───── Available records
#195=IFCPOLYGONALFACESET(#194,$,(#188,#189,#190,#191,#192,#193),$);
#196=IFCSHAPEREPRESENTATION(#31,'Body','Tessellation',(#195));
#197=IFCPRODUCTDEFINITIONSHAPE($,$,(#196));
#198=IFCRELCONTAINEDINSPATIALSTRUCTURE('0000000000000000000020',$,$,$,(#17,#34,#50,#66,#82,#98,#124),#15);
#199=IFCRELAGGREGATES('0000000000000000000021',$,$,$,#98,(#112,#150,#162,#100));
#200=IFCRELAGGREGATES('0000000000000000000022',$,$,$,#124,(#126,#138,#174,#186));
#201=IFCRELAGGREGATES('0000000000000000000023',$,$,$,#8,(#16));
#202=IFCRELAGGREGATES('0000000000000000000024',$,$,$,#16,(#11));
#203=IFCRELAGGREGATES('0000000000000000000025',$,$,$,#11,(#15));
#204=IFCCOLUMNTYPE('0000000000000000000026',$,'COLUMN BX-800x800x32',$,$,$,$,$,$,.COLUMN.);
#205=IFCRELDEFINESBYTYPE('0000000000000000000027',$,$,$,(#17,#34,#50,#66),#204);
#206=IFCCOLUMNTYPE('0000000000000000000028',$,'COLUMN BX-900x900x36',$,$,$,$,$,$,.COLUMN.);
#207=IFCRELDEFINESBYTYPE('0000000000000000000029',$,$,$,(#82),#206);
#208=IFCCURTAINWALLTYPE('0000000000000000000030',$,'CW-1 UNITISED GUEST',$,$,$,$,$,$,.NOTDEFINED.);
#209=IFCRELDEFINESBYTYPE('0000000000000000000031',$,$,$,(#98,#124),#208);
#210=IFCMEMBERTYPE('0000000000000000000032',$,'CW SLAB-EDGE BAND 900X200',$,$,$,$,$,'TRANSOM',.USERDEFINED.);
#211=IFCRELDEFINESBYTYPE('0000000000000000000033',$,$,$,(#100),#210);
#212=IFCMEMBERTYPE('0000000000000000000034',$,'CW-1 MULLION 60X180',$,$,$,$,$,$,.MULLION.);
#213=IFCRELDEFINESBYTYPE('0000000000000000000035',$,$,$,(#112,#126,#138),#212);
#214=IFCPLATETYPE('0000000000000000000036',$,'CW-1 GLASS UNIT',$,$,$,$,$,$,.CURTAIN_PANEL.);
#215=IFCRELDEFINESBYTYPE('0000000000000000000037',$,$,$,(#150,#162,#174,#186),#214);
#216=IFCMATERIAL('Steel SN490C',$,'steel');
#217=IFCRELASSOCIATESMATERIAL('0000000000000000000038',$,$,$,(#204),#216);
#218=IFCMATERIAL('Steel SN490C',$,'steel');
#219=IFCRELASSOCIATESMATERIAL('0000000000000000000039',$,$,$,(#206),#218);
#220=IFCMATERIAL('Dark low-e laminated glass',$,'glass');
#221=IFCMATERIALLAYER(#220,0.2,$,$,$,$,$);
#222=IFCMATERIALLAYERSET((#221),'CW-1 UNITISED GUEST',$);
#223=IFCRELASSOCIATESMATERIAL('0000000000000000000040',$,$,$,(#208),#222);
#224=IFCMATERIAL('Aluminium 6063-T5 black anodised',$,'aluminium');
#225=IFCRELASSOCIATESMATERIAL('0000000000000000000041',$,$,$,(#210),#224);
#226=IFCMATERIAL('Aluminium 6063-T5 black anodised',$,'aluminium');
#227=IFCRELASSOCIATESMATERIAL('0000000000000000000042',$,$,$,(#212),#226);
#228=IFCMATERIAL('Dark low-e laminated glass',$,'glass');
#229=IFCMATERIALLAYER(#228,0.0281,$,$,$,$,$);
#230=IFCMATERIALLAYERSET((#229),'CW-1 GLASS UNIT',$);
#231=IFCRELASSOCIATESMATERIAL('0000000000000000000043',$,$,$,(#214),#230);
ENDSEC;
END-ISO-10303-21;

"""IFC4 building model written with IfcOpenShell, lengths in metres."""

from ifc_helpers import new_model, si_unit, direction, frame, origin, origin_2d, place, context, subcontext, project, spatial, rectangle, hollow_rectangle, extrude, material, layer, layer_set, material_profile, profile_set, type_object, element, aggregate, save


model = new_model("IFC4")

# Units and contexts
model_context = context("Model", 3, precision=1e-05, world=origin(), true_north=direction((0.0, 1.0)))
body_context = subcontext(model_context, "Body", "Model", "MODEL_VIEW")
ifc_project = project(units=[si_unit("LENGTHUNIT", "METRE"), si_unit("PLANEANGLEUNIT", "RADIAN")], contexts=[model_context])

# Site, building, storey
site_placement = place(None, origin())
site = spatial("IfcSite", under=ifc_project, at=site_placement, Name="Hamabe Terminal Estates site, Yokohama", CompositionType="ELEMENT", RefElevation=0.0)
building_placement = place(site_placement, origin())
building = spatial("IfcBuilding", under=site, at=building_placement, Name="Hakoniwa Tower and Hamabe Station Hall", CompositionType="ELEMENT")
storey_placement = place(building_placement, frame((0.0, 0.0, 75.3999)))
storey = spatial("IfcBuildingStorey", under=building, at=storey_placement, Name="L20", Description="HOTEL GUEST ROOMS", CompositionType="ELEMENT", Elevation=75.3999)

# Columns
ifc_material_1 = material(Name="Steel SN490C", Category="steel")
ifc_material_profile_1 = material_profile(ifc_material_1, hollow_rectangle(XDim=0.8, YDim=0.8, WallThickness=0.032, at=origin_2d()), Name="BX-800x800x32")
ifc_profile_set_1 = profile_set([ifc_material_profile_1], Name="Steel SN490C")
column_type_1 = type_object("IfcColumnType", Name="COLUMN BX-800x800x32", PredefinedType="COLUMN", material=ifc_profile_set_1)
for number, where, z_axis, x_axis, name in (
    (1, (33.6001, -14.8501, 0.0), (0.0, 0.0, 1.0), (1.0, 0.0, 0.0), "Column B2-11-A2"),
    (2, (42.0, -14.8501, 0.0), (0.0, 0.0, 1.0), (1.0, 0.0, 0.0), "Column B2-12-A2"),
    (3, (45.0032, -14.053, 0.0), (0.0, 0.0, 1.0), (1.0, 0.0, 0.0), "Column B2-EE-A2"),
──────────
───── Available records
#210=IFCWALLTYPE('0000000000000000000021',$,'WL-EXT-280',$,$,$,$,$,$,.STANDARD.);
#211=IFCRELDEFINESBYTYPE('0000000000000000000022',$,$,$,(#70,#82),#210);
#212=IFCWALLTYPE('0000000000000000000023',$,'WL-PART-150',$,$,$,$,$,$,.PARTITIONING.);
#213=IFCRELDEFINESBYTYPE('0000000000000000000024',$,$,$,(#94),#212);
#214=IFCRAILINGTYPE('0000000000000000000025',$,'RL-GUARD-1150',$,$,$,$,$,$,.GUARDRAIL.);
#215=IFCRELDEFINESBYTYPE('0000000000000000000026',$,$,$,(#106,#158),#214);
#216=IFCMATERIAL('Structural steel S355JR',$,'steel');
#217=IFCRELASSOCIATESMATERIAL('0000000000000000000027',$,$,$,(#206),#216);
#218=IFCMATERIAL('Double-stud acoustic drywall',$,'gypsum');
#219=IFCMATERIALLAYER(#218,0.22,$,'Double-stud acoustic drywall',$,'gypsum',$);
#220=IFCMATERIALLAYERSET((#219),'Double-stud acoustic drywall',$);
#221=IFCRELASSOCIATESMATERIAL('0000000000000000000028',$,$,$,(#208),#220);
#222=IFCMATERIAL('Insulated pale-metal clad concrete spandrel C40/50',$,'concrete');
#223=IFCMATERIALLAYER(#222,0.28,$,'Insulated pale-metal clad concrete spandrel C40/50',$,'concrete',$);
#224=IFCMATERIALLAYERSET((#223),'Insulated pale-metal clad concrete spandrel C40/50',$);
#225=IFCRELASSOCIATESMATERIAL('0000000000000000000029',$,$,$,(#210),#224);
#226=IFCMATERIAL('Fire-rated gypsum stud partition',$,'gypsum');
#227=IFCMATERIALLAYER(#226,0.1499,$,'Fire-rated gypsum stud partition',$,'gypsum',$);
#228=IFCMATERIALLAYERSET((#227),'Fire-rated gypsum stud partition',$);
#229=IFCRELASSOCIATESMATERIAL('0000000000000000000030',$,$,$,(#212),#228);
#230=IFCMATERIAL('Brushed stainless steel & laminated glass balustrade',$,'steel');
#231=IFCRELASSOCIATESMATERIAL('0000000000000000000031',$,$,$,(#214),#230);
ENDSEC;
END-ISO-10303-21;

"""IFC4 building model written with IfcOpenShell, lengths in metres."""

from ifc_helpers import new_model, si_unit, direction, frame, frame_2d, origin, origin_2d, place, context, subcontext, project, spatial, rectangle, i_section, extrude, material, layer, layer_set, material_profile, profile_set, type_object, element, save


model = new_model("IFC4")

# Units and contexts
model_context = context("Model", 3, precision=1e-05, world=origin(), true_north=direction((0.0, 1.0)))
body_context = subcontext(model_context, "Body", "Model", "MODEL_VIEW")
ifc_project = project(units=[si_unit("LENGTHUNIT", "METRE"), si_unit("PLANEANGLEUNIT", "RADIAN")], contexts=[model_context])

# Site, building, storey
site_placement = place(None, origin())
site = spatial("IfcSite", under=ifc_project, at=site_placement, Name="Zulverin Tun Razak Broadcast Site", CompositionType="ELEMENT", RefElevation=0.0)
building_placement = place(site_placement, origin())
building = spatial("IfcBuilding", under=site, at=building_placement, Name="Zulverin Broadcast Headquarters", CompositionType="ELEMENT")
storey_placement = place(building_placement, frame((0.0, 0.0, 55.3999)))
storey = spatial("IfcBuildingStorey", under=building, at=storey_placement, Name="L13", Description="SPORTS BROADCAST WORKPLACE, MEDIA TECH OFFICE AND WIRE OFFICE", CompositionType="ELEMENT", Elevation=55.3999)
──────────
───── Available records
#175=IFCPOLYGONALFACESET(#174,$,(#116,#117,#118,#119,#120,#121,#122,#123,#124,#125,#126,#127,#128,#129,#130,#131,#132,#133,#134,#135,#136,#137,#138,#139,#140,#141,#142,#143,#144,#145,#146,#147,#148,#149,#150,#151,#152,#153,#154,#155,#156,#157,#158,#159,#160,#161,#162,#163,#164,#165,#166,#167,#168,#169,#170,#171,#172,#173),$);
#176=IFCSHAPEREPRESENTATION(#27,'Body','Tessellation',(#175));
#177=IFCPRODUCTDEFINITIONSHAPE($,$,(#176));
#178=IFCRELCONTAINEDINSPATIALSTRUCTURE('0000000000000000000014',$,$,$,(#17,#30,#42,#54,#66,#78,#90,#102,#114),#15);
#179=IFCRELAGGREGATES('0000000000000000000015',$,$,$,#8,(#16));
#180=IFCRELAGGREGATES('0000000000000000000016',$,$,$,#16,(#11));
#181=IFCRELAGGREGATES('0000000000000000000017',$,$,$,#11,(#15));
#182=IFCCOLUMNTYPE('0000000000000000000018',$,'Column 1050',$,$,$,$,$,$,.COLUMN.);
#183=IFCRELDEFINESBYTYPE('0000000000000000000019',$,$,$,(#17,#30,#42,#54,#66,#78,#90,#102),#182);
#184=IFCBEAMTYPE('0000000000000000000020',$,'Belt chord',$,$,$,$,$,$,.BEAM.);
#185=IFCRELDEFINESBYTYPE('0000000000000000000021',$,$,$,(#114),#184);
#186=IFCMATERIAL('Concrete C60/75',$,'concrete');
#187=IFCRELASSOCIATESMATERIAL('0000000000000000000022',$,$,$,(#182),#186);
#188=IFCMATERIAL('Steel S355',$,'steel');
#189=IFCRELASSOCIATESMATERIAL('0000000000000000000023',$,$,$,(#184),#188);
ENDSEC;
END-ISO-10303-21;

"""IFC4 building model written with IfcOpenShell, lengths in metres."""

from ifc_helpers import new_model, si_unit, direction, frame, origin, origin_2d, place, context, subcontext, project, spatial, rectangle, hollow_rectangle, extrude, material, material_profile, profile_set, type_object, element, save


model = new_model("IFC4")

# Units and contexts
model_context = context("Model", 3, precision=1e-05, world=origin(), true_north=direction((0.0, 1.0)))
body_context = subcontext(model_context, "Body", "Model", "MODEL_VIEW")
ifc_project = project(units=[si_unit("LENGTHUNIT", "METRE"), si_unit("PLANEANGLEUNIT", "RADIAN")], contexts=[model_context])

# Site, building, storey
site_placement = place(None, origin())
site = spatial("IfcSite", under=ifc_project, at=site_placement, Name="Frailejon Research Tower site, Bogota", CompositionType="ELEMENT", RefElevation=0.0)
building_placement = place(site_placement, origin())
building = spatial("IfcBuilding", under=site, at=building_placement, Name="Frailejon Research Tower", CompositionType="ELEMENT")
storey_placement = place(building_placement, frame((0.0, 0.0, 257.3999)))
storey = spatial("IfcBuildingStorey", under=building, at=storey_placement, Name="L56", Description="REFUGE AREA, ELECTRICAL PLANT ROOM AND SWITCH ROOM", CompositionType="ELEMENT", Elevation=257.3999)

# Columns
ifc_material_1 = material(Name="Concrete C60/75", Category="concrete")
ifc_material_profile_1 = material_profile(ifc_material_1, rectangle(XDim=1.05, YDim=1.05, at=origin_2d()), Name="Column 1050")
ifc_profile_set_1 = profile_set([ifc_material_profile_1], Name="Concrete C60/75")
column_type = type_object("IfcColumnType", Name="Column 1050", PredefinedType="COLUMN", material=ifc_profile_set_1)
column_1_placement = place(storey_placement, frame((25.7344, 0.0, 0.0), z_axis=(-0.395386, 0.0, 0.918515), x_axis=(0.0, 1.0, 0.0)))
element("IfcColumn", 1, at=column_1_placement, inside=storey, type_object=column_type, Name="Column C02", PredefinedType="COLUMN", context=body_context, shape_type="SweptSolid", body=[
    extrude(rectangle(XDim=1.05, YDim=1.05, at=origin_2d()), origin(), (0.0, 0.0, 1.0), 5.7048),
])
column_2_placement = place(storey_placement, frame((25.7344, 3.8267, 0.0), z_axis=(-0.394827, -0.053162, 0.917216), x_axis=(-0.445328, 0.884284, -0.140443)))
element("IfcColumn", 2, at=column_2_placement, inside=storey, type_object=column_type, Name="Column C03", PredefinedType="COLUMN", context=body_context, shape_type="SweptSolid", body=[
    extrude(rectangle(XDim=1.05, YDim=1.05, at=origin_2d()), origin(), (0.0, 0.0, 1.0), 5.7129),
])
──────────
__Aim of the exercise__
Every line in the records above that contains the word "Aluminium" should be copied out.

__Expected answer__
#224=IFCMATERIAL('Aluminium 6063-T5 black anodised',$,'aluminium');
#226=IFCMATERIAL('Aluminium 6063-T5 black anodised',$,'aluminium');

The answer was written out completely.